### Task requirements
Take every line from the records below that includes the word "inside".

### The input
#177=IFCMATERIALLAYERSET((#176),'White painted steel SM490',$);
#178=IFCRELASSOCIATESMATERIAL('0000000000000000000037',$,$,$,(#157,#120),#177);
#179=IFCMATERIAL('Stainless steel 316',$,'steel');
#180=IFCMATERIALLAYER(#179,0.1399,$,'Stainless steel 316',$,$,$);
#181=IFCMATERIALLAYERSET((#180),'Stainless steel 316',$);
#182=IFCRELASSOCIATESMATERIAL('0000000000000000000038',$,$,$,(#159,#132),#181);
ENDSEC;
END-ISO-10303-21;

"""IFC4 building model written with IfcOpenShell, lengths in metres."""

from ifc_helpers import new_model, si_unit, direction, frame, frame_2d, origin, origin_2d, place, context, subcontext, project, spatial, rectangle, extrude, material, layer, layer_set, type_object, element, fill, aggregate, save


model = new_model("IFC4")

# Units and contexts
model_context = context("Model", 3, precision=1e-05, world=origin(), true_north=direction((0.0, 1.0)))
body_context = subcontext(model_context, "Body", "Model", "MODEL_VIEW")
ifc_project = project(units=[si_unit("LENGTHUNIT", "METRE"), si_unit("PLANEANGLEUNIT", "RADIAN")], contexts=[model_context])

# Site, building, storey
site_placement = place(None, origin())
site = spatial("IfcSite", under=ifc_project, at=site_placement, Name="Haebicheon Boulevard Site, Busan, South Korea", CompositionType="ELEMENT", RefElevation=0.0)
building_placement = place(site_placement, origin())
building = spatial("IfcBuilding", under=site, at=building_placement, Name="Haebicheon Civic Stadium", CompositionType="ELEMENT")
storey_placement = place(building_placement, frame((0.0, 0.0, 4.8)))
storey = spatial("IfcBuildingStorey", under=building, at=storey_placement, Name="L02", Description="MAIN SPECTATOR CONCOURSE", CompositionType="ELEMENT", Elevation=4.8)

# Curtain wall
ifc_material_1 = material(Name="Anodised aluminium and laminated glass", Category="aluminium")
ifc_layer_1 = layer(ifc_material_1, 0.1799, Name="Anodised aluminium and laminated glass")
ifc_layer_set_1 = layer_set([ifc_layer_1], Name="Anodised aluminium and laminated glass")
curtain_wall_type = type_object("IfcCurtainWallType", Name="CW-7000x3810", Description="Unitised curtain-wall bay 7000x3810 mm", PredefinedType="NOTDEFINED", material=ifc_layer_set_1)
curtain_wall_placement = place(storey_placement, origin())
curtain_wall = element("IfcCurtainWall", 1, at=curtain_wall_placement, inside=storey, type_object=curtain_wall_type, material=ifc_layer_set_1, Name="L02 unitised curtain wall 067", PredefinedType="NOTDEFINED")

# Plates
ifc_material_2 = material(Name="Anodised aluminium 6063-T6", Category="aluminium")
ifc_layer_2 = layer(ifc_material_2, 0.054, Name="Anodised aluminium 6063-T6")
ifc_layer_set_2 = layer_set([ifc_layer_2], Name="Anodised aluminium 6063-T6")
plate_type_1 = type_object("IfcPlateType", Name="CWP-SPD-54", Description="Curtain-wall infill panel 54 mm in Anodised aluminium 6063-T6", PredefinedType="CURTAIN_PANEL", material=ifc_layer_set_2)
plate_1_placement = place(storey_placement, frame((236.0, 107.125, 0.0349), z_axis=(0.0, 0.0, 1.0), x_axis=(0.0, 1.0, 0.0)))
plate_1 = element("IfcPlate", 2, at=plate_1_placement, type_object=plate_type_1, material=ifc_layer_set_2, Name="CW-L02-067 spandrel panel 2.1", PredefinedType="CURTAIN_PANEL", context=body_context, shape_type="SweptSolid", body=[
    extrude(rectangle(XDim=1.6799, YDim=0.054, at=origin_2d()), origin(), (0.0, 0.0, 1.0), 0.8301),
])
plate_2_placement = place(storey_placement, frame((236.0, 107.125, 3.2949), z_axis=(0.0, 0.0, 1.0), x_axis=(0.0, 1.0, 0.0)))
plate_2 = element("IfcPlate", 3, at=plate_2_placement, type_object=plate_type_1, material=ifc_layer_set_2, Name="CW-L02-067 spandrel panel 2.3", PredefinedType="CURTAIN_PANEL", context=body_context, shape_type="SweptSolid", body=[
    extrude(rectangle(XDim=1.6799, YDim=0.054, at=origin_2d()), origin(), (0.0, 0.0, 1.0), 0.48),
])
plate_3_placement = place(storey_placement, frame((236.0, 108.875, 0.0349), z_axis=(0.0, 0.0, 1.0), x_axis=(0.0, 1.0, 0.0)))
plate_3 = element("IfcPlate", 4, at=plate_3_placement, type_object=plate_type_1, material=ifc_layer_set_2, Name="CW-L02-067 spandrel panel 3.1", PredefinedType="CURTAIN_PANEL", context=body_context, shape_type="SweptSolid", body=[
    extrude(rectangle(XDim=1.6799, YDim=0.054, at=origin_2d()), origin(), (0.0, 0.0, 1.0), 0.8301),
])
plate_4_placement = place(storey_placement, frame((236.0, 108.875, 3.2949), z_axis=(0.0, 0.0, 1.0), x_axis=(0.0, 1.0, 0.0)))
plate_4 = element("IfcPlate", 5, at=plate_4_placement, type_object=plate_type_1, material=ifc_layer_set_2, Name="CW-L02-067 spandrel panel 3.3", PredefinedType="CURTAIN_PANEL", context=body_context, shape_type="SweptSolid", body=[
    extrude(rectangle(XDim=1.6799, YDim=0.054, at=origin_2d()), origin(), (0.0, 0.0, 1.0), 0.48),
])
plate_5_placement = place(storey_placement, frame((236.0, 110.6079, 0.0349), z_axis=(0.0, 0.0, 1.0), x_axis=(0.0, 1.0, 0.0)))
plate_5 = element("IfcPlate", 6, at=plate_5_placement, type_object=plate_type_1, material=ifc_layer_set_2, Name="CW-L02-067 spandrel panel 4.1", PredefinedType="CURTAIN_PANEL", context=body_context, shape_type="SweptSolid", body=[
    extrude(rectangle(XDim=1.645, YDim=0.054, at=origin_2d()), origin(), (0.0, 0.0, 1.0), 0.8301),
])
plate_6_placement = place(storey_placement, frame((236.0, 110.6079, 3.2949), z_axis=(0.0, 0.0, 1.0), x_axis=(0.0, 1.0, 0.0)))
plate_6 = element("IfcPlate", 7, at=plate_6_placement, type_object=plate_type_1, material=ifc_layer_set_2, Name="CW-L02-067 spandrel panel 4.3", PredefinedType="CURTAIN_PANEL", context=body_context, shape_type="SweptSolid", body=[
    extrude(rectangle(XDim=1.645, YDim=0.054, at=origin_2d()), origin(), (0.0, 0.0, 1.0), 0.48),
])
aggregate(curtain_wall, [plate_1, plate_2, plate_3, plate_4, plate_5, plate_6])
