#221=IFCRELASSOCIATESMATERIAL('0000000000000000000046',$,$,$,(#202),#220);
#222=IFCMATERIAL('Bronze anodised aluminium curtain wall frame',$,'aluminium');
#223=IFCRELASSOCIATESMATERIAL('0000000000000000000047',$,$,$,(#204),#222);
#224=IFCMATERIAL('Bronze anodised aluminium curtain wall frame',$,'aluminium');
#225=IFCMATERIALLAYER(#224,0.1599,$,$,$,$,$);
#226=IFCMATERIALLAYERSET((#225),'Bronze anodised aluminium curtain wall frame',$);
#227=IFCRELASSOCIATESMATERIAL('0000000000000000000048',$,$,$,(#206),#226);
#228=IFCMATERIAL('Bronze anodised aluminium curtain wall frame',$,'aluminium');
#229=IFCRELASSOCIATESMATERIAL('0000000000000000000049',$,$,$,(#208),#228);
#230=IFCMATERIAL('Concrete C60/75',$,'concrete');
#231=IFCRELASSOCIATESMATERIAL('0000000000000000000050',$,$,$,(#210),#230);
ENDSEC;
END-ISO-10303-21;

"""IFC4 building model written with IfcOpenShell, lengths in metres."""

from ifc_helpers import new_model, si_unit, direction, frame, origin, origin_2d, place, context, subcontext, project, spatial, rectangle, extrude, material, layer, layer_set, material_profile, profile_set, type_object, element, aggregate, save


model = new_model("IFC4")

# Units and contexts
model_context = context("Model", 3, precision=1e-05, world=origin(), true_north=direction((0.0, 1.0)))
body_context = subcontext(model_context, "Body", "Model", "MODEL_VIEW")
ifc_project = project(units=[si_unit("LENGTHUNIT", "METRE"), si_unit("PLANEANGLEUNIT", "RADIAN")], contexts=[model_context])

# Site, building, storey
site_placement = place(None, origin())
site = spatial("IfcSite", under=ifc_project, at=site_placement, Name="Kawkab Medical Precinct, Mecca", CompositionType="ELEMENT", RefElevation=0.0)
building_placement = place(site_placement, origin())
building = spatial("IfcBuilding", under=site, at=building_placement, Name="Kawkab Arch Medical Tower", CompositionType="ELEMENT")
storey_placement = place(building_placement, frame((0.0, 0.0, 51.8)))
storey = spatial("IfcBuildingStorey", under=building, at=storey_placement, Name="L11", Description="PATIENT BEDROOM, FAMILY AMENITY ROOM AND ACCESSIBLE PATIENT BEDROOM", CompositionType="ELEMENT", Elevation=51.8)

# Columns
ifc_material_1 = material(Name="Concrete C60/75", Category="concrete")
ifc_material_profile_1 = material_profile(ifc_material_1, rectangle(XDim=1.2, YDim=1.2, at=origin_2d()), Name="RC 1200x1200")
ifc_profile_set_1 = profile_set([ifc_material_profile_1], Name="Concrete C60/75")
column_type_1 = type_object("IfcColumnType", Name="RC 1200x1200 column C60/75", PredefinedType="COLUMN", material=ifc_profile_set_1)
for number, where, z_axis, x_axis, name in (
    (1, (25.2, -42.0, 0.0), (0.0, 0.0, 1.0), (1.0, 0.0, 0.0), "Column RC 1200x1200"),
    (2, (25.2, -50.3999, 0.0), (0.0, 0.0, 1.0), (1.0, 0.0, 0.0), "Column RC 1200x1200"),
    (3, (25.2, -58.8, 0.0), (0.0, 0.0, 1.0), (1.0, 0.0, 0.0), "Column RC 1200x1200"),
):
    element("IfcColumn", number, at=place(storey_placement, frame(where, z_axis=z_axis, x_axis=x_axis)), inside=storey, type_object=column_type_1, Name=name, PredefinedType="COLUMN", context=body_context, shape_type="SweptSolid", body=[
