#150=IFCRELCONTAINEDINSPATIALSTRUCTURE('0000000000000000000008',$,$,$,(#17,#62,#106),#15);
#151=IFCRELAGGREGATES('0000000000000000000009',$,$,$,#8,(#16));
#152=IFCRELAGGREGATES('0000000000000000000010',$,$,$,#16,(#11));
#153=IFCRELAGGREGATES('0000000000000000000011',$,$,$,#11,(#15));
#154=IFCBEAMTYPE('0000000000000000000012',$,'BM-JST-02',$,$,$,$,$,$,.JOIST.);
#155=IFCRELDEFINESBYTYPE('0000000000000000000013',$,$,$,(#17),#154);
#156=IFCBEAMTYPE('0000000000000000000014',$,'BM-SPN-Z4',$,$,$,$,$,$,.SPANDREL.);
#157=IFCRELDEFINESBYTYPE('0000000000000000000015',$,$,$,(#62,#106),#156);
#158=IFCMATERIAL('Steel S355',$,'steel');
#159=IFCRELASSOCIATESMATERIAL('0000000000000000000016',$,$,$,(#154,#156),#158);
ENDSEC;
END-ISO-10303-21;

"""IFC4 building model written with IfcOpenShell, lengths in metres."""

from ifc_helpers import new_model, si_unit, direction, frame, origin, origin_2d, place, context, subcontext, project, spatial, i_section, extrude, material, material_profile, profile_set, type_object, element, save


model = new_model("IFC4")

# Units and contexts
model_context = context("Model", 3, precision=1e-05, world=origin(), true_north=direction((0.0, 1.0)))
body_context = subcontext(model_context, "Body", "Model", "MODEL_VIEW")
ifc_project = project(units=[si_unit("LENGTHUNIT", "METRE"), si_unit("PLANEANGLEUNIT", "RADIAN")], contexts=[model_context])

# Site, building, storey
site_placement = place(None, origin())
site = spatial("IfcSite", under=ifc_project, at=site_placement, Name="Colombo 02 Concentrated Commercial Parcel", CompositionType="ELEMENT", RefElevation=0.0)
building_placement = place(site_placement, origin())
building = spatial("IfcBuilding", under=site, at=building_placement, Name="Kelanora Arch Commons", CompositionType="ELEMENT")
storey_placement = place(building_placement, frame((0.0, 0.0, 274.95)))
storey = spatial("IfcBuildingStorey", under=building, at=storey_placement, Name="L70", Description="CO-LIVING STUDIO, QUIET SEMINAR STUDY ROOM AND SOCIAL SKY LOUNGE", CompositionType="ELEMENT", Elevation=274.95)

### Answer
curtain_wall = element("IfcCurtainWall", 1, at=curtain_wall_placement, inside=storey, type_object=curtain_wall_type, material=ifc_layer_set_1, Name="L02 unitised curtain wall 067", PredefinedType="NOTDEFINED")
    element("IfcColumn", number, at=place(storey_placement, frame(where, z_axis=z_axis, x_axis=x_axis)), inside=storey, type_object=column_type_1, Name=name, PredefinedType="COLUMN", context=body_context, shape_type="SweptSolid", body=[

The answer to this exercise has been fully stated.